> Task item:
Working from the entries below, give again each line from the first through the one containing "#115=IFCINDEXEDPOLYGONALFACE((5,7,8,6));", exactly and with nothing else.

> Data section:
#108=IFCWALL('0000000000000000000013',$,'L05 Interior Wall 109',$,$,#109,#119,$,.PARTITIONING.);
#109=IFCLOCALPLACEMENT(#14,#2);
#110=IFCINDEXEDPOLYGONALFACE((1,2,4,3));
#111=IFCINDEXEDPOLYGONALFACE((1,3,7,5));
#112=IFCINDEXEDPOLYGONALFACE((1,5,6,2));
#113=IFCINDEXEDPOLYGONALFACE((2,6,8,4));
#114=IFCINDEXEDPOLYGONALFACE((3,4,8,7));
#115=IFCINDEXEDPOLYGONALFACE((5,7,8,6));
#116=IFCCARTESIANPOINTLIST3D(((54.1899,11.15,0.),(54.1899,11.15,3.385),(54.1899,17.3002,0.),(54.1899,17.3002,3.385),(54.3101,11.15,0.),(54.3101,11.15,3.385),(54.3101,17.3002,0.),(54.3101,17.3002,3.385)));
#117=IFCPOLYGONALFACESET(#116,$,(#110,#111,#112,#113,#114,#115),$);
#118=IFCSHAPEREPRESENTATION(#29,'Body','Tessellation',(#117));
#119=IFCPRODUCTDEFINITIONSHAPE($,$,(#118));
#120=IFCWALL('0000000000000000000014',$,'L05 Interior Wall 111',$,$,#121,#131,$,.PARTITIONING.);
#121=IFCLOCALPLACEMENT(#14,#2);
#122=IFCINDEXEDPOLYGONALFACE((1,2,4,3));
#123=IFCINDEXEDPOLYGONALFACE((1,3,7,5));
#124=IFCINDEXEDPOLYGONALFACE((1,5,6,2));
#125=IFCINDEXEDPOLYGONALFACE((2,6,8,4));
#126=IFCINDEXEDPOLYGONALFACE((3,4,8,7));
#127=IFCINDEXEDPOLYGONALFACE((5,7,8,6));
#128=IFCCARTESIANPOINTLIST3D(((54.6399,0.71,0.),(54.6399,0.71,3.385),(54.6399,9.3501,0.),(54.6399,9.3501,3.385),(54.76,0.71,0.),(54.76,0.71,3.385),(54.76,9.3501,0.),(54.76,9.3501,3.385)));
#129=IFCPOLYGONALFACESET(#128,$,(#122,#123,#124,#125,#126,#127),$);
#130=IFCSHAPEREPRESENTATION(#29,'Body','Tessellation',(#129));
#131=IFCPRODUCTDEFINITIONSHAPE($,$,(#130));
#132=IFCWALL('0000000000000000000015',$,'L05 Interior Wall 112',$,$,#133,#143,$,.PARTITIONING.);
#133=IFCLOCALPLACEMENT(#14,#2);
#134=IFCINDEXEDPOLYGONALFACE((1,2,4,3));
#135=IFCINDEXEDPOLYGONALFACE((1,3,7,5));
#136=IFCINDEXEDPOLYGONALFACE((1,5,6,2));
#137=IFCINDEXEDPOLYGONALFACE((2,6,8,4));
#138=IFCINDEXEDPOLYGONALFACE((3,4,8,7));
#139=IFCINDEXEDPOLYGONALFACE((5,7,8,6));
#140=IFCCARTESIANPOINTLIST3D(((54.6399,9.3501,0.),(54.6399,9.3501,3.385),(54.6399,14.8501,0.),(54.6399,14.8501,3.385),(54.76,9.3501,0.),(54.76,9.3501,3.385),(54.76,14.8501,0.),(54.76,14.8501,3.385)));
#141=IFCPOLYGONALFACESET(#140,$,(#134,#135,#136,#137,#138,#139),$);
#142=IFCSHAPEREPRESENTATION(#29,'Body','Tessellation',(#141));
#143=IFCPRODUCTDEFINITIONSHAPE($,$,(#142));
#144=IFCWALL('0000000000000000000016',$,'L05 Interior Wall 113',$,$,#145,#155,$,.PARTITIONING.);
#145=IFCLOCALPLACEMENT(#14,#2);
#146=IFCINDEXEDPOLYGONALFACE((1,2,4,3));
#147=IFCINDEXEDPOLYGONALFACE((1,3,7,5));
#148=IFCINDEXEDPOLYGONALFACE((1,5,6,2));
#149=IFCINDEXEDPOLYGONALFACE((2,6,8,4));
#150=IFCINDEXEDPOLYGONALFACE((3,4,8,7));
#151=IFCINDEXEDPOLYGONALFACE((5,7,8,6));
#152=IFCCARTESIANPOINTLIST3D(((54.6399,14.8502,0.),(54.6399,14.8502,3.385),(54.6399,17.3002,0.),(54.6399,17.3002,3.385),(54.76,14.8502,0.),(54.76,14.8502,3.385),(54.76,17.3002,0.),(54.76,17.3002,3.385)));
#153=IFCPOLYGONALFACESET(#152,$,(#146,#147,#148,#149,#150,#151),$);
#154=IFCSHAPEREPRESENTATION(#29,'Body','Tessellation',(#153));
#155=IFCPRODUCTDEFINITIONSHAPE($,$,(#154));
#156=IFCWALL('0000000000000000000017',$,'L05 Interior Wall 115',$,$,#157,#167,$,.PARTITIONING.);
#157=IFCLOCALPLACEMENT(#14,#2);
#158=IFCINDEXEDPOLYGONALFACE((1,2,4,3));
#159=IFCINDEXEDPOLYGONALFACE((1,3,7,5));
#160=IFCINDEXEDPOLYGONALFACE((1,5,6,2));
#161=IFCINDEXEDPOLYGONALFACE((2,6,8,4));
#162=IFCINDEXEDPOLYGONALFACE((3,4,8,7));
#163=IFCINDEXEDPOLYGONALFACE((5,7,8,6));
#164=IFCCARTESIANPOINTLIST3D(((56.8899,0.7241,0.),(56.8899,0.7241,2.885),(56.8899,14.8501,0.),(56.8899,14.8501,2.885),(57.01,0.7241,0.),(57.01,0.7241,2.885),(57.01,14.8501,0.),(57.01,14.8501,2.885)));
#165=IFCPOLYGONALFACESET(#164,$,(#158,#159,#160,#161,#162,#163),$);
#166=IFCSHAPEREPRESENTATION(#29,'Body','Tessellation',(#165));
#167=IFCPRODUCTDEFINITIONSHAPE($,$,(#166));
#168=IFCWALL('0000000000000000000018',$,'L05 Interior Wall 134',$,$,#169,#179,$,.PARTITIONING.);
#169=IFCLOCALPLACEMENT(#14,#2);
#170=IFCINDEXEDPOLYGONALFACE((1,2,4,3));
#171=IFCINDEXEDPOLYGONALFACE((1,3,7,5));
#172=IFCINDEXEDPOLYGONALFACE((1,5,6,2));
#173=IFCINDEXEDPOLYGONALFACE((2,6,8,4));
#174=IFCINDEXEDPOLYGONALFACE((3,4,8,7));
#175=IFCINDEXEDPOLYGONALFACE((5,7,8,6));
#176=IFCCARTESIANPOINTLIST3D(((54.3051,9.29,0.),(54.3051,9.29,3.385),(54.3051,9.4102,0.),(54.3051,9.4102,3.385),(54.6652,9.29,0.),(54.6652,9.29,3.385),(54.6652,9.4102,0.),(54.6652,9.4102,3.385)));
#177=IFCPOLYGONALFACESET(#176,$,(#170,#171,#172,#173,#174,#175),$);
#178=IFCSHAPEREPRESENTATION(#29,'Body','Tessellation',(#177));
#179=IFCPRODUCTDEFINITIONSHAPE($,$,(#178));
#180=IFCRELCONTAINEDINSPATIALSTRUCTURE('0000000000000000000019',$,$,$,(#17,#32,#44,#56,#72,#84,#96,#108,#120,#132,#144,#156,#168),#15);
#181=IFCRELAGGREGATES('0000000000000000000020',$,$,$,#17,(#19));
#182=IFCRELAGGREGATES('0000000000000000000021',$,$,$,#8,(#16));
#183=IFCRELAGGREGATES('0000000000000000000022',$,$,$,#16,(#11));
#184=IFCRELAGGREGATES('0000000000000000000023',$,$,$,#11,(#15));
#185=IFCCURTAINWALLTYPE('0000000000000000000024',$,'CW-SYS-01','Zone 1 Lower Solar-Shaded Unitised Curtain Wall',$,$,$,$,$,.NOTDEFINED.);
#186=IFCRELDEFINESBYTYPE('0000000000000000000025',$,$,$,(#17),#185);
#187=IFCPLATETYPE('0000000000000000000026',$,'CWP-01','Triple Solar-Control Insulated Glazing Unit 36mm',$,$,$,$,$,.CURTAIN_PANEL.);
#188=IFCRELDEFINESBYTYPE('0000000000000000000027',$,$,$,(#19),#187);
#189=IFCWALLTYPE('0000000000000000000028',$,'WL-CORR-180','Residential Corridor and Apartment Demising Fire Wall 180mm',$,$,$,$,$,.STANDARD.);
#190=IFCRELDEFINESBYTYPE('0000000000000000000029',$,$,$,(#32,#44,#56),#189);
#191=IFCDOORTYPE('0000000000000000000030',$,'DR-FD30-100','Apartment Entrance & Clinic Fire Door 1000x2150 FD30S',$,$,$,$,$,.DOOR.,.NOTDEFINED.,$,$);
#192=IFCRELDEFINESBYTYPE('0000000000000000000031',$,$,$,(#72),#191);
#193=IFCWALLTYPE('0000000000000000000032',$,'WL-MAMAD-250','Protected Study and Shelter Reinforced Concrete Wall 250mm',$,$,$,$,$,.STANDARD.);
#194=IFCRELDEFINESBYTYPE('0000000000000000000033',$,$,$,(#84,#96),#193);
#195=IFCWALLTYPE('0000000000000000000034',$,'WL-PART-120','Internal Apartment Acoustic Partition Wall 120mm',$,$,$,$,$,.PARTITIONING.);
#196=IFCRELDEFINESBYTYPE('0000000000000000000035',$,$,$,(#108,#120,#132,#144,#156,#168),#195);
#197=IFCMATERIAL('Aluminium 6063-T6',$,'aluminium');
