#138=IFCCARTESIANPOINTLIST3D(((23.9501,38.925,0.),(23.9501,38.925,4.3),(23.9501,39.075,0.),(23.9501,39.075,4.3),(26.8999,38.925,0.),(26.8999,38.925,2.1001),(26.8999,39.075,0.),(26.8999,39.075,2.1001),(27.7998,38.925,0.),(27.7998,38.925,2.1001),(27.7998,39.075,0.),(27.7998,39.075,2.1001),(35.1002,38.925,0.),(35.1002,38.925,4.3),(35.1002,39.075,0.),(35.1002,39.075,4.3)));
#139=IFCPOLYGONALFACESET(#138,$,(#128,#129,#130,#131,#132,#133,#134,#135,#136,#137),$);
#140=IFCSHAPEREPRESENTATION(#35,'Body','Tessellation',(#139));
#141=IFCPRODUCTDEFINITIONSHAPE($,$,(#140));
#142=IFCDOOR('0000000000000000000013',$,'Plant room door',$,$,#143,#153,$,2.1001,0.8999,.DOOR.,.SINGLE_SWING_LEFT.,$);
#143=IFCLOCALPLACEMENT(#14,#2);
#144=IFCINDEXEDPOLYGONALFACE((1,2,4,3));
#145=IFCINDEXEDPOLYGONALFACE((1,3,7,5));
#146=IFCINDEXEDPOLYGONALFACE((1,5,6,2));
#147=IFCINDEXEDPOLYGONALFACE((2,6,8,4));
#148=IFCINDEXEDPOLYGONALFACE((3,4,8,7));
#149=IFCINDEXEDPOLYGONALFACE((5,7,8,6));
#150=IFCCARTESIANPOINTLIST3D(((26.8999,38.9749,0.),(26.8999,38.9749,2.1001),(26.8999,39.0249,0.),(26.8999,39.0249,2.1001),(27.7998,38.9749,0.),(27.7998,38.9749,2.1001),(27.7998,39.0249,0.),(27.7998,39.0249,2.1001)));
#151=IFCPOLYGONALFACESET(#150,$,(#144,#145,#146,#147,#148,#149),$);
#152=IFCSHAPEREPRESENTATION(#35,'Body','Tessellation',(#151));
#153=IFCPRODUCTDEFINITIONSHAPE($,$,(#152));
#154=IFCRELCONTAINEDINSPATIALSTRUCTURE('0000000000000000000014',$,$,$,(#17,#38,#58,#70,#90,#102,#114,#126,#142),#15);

> Response to this task:
#108=IFCWALL('0000000000000000000013',$,'L05 Interior Wall 109',$,$,#109,#119,$,.PARTITIONING.);
#109=IFCLOCALPLACEMENT(#14,#2);
#110=IFCINDEXEDPOLYGONALFACE((1,2,4,3));
#111=IFCINDEXEDPOLYGONALFACE((1,3,7,5));
#112=IFCINDEXEDPOLYGONALFACE((1,5,6,2));
#113=IFCINDEXEDPOLYGONALFACE((2,6,8,4));
#114=IFCINDEXEDPOLYGONALFACE((3,4,8,7));
#115=IFCINDEXEDPOLYGONALFACE((5,7,8,6));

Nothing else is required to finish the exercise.